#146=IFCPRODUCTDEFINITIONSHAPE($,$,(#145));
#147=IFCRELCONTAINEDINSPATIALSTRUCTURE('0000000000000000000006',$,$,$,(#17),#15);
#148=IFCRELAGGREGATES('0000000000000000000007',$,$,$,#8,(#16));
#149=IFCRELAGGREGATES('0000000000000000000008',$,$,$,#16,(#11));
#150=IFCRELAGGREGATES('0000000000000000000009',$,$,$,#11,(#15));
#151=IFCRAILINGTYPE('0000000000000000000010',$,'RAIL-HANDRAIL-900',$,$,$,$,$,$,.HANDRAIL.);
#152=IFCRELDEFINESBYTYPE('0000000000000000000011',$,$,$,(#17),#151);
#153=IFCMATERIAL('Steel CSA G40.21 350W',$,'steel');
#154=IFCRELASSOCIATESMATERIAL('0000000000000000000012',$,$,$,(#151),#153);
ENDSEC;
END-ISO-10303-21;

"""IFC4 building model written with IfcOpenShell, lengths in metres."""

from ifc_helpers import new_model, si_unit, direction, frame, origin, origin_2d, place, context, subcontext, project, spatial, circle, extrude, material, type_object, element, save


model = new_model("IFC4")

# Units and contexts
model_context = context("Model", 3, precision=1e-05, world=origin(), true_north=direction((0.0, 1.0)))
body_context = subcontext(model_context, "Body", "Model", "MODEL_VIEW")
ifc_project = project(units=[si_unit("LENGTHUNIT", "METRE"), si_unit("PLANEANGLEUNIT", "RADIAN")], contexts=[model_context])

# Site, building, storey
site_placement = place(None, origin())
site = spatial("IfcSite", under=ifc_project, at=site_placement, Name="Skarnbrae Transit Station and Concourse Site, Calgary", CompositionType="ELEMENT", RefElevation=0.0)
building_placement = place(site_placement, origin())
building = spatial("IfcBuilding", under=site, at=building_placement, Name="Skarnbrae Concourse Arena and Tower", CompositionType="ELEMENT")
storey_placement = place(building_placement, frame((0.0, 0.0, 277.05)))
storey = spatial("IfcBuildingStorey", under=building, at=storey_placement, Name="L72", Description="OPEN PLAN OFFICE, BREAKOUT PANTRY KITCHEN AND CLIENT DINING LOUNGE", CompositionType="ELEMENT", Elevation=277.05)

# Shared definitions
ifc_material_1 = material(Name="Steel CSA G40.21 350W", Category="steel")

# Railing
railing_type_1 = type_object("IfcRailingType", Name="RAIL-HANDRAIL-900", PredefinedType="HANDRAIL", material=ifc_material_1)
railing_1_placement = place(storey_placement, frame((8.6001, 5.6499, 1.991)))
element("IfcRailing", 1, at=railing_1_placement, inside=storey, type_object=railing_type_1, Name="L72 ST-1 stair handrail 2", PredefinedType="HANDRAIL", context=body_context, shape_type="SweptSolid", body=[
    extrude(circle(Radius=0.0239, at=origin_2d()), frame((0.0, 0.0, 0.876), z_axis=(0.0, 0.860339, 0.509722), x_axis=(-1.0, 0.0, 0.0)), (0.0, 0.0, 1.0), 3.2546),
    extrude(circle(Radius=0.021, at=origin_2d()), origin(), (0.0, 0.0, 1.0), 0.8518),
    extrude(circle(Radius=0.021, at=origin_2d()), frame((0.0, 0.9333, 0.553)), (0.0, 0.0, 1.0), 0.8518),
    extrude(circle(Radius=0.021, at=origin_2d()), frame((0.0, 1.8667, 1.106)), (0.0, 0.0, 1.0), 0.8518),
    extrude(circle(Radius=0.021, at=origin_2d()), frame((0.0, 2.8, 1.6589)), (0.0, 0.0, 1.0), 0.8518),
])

━━━━━━

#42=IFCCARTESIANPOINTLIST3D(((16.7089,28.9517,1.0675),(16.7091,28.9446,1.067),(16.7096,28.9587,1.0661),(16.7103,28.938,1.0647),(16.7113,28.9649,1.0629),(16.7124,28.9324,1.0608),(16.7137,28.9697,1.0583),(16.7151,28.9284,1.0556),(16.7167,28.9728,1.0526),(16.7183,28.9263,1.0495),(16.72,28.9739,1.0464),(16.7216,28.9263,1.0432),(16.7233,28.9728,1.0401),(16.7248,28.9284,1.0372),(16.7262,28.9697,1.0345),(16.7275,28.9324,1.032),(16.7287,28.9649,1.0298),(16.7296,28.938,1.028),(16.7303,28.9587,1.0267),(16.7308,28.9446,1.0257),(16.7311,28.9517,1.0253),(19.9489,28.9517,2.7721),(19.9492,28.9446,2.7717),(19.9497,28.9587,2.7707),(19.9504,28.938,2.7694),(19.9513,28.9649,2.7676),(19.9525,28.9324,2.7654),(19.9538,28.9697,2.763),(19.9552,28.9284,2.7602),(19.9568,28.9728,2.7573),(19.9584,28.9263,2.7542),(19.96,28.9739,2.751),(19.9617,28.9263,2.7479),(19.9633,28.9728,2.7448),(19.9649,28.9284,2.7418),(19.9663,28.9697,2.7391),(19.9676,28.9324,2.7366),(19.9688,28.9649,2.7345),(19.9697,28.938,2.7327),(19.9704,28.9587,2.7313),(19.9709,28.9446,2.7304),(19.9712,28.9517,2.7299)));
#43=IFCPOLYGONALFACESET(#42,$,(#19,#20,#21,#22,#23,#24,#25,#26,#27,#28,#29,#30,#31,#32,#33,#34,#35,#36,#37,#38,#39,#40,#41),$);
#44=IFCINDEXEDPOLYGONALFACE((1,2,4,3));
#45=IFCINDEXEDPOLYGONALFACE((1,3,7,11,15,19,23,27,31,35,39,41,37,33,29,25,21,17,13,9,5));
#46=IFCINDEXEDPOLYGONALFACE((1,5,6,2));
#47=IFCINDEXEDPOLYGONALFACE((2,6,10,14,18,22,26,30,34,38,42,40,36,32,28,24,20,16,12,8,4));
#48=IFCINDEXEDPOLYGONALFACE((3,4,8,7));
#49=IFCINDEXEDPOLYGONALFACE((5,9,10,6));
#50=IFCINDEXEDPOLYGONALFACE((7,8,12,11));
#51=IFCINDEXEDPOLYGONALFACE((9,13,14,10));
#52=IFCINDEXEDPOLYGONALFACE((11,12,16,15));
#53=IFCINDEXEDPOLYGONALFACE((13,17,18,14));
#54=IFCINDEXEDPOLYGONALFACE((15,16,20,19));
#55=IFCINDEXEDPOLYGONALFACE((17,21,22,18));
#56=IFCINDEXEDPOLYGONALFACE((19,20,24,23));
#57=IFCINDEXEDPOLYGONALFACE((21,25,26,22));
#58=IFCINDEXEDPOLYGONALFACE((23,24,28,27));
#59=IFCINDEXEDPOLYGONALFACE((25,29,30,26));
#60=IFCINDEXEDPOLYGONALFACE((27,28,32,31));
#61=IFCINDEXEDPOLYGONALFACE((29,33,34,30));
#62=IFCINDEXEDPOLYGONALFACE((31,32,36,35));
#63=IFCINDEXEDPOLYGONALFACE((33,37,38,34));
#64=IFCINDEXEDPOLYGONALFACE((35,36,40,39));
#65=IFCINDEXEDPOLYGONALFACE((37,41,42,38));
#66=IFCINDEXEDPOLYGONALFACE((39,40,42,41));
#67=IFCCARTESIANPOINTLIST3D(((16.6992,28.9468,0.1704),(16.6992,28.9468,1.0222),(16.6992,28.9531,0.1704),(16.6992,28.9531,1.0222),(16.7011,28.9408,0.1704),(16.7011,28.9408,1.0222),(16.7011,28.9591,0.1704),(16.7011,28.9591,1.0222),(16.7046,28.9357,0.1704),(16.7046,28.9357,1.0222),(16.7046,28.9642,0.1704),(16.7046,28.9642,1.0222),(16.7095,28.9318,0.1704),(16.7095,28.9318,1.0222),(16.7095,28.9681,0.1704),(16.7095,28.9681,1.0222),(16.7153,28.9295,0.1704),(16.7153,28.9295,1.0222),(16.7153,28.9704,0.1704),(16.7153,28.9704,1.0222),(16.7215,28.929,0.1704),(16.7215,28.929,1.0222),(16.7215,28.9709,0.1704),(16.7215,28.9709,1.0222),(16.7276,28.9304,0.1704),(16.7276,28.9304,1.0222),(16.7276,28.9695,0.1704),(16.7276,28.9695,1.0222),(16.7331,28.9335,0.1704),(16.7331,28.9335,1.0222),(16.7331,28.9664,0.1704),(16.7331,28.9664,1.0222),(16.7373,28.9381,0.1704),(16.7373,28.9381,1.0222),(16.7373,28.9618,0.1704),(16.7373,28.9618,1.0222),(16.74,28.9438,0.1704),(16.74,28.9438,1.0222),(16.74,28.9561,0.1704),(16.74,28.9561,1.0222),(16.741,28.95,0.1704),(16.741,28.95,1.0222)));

━━━━━━

### Work item
Please transcribe exactly the lines above from the line that has "#146=IFCPRODUCTDEFINITIONSHAPE($,$,(#145));" up to and including the line that has "#149=IFCRELAGGREGATES('0000000000000000000008',$,$,$,#16,(#11));"; no other line belongs in the answer.

### Solution
#146=IFCPRODUCTDEFINITIONSHAPE($,$,(#145));
#147=IFCRELCONTAINEDINSPATIALSTRUCTURE('0000000000000000000006',$,$,$,(#17),#15);
#148=IFCRELAGGREGATES('0000000000000000000007',$,$,$,#8,(#16));
#149=IFCRELAGGREGATES('0000000000000000000008',$,$,$,#16,(#11));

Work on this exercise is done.